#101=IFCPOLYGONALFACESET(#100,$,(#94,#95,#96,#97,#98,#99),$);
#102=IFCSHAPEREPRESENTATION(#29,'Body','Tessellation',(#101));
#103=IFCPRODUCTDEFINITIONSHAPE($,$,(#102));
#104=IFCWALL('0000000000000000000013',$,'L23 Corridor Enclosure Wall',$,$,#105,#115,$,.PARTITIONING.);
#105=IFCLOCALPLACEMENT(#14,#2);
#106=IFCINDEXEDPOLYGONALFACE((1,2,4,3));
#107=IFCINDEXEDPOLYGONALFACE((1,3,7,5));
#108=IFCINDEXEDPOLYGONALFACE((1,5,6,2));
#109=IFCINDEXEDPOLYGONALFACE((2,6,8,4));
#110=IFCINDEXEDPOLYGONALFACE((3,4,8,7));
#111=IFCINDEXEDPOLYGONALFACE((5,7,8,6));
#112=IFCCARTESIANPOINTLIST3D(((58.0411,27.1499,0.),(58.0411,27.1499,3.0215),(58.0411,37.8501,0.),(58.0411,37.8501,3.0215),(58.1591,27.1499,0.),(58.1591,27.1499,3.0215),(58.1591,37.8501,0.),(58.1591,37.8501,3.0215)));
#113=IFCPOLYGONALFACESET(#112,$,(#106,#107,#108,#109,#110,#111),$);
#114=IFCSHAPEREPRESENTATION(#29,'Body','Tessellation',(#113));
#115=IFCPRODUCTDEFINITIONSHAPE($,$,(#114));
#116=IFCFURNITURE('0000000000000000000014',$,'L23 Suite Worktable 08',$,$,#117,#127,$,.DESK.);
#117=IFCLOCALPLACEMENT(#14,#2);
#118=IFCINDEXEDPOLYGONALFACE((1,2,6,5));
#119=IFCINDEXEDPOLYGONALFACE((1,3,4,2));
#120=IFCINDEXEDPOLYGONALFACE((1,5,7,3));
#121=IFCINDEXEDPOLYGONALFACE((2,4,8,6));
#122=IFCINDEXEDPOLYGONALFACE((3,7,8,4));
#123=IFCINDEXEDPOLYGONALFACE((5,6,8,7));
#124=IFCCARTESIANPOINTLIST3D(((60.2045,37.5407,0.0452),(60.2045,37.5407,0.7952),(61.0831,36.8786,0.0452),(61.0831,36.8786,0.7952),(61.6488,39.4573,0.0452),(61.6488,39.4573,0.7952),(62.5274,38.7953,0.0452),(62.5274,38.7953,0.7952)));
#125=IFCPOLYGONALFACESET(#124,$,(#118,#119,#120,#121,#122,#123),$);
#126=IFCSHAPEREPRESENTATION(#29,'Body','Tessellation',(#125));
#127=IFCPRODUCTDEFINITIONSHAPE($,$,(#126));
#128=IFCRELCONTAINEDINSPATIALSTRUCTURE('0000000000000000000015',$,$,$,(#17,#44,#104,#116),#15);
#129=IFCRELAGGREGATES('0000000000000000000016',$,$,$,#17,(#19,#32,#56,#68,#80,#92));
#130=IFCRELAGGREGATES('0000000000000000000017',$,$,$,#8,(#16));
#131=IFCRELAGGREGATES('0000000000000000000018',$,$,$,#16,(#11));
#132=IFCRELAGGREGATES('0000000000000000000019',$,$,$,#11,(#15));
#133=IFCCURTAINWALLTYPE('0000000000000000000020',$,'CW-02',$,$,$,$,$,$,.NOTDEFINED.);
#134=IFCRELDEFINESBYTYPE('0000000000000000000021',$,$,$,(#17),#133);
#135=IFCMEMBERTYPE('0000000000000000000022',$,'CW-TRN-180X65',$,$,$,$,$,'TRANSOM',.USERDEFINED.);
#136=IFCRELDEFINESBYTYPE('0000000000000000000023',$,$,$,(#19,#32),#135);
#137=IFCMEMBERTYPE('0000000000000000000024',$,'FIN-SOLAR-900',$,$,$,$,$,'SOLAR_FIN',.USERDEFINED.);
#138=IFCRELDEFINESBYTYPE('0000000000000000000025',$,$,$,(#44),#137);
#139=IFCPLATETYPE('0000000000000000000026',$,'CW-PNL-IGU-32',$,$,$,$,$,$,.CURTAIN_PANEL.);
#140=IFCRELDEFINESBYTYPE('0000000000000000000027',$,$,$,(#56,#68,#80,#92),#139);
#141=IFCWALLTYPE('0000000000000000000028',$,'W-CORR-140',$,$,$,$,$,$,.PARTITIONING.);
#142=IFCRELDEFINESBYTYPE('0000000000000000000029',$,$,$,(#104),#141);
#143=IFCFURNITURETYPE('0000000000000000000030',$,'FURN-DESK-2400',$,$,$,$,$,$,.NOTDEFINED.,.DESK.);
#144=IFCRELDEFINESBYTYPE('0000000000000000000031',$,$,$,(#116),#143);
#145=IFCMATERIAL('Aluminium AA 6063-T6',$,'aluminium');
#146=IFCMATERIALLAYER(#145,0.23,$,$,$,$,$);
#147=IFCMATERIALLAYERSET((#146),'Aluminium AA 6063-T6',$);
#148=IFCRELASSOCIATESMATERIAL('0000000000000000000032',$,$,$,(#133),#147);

Work to complete:
Where does "USERDEFINED" appear in the records above? Copy each line that holds it.

Finished task:
#135=IFCMEMBERTYPE('0000000000000000000022',$,'CW-TRN-180X65',$,$,$,$,$,'TRANSOM',.USERDEFINED.);
#137=IFCMEMBERTYPE('0000000000000000000024',$,'FIN-SOLAR-900',$,$,$,$,$,'SOLAR_FIN',.USERDEFINED.);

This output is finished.